RECORDS PROVIDED >>
-=-=-=-=-
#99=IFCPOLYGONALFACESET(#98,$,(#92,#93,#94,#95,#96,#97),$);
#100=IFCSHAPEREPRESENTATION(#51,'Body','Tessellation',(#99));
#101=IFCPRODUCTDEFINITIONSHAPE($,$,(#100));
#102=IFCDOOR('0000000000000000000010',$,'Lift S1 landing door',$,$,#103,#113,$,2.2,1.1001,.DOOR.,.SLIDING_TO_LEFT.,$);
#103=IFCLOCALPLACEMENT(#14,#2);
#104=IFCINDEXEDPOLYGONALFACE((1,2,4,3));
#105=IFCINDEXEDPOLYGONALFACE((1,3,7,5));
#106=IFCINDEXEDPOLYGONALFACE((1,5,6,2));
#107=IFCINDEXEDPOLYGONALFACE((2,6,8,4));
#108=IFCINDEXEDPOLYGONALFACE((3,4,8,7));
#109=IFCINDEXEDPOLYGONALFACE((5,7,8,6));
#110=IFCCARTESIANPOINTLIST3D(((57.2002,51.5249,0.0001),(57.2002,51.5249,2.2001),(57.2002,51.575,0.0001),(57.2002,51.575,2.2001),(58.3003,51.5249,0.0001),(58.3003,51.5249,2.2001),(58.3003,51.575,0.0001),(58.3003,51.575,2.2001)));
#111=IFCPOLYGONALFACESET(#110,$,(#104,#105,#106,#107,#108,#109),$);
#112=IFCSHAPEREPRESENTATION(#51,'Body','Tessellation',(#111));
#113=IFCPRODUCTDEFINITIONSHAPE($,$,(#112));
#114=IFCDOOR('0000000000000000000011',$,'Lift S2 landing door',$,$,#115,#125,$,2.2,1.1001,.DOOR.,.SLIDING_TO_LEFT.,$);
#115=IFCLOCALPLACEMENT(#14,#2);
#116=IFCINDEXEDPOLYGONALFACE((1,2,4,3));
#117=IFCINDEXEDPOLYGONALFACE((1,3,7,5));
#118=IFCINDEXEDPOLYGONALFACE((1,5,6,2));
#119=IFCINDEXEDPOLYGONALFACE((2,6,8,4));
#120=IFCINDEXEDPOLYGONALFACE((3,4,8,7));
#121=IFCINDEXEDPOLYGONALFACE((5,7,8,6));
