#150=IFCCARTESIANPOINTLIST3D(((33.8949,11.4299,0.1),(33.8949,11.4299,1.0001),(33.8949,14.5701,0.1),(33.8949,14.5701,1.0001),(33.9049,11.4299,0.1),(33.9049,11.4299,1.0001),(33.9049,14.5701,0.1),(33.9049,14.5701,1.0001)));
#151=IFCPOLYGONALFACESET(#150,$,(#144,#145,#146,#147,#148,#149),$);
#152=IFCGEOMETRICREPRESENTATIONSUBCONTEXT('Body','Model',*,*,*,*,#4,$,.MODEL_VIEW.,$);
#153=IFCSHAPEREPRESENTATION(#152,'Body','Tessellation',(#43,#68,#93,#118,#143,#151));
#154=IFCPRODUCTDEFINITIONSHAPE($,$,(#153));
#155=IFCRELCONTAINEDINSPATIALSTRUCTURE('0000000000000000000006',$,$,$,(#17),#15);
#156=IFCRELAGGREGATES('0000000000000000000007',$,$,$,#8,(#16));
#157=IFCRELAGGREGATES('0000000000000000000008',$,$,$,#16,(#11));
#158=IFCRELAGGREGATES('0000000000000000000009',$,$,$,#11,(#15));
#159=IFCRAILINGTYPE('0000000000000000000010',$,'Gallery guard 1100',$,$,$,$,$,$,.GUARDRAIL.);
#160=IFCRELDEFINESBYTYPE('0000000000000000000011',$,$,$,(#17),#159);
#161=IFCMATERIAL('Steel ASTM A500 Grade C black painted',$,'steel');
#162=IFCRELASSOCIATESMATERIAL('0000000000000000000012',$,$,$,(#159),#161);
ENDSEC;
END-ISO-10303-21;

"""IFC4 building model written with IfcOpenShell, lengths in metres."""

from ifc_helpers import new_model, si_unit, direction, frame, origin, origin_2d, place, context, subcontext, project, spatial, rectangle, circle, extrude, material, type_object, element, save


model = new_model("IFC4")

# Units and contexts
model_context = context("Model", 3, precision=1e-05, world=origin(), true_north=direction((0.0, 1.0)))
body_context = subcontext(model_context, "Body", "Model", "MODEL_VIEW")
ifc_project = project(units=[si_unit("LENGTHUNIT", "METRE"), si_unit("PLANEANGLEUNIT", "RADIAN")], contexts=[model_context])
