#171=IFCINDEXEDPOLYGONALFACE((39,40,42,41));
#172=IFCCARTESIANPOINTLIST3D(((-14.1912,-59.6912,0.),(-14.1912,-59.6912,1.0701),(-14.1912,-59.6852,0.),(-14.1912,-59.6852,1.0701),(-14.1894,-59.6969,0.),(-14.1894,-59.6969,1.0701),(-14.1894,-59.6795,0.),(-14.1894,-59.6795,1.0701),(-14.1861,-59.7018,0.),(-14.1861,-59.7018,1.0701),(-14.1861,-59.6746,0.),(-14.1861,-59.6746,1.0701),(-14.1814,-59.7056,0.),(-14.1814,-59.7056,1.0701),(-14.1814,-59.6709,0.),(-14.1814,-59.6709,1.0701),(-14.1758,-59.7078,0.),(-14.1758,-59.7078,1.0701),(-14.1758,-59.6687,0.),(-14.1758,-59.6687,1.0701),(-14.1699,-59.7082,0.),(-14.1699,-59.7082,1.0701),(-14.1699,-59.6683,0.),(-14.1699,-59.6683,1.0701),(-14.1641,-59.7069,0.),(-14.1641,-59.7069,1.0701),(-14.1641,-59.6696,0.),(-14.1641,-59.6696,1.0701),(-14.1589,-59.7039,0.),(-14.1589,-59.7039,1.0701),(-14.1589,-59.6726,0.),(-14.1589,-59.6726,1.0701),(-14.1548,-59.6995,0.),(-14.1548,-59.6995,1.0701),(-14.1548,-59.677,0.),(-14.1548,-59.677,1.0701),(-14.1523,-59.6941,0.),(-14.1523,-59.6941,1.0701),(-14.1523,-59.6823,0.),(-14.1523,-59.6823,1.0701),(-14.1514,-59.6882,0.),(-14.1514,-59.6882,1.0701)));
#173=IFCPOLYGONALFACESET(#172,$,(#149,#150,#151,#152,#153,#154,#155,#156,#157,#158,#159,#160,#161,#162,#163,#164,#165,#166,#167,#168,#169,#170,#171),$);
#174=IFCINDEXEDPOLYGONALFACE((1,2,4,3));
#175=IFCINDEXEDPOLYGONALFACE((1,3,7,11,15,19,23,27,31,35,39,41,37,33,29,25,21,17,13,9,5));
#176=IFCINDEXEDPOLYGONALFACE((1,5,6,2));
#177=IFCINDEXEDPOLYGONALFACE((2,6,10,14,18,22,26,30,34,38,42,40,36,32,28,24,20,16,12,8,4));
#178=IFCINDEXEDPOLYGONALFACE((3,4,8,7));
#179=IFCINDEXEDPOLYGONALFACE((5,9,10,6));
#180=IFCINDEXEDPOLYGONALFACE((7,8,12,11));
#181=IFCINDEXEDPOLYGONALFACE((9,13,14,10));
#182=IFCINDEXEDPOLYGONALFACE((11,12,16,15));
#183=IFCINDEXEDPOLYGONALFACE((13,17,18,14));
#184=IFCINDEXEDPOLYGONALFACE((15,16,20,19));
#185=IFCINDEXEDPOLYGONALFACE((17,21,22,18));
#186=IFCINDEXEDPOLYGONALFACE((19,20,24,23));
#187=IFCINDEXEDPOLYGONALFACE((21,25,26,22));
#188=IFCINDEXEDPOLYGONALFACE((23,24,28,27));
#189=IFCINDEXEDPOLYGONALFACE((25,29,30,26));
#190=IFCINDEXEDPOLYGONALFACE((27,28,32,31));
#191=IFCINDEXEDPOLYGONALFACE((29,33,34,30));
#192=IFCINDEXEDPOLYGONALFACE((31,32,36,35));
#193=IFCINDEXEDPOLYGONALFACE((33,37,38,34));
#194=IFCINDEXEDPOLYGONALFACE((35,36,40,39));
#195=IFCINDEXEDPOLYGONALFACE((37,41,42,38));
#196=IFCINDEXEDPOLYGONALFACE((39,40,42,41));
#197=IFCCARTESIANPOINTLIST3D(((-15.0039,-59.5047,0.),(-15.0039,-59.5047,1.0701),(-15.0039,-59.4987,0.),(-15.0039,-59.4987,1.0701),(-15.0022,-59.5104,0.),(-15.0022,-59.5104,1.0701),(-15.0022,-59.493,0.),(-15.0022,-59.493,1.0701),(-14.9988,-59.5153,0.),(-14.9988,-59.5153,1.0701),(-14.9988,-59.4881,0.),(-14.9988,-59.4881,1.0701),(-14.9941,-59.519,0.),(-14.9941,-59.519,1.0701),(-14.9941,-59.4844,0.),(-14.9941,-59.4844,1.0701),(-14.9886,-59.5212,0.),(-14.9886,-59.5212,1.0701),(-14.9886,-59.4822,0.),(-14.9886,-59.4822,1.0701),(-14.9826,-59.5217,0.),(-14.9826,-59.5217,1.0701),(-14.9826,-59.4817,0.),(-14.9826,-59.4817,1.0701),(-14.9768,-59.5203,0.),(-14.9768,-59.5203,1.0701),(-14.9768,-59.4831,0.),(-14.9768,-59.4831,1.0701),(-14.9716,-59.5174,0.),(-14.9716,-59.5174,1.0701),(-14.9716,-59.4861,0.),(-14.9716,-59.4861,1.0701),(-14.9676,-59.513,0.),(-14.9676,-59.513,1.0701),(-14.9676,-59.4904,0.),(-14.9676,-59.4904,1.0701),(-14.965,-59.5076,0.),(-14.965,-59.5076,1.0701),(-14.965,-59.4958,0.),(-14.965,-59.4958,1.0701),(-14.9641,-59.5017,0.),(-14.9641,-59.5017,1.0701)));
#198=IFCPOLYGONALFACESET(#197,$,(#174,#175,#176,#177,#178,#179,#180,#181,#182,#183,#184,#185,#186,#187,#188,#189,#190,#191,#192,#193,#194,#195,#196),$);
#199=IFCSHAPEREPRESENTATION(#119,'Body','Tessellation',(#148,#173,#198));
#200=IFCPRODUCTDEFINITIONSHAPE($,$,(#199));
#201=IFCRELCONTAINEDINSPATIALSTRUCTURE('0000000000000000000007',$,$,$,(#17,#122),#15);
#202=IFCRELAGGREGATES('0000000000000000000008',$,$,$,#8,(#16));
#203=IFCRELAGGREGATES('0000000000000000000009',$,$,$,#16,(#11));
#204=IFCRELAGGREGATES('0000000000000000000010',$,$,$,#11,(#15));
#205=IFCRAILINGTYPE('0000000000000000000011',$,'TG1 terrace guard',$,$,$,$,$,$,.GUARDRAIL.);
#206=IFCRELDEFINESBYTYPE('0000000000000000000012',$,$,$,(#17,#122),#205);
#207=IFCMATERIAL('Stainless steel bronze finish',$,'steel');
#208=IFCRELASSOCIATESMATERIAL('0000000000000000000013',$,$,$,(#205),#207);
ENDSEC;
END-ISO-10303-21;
-=-=-=-=-
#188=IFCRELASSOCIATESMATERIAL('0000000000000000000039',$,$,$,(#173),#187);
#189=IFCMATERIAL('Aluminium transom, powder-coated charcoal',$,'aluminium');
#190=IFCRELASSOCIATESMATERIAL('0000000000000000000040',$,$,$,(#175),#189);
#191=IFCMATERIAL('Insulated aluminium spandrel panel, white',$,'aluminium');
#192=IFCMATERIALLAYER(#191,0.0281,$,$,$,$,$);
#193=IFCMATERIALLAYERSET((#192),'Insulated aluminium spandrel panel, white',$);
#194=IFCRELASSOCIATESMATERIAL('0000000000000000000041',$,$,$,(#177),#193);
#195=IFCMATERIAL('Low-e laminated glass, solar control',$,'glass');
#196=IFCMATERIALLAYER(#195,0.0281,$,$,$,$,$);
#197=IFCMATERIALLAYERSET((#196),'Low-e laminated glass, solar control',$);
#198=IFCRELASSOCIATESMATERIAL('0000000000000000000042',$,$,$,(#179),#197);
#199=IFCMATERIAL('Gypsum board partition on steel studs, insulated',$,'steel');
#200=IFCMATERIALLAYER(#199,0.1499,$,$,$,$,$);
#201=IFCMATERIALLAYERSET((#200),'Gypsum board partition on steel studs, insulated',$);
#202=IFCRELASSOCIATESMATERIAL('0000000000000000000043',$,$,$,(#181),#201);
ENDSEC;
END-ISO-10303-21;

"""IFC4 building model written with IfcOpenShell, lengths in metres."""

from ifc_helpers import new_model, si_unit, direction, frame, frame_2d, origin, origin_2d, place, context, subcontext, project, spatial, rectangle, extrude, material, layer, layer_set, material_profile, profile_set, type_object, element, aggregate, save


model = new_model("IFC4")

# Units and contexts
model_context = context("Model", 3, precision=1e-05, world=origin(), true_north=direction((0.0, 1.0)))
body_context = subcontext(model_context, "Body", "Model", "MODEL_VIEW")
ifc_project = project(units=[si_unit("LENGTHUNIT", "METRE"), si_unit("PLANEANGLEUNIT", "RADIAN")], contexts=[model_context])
-=-=-=-=-
EXERCISE >>
Copy out each line of the data above, exactly, if it lies between the line holding "#156=IFCRELAGGREGATES('0000000000000000000007',$,$,$,#8,(#16));" and the line holding "#158=IFCRELAGGREGATES('0000000000000000000009',$,$,$,#11,(#15));", inclusive; copy no other line.

RESULT BELOW >>
#156=IFCRELAGGREGATES('0000000000000000000007',$,$,$,#8,(#16));
#157=IFCRELAGGREGATES('0000000000000000000008',$,$,$,#16,(#11));
#158=IFCRELAGGREGATES('0000000000000000000009',$,$,$,#11,(#15));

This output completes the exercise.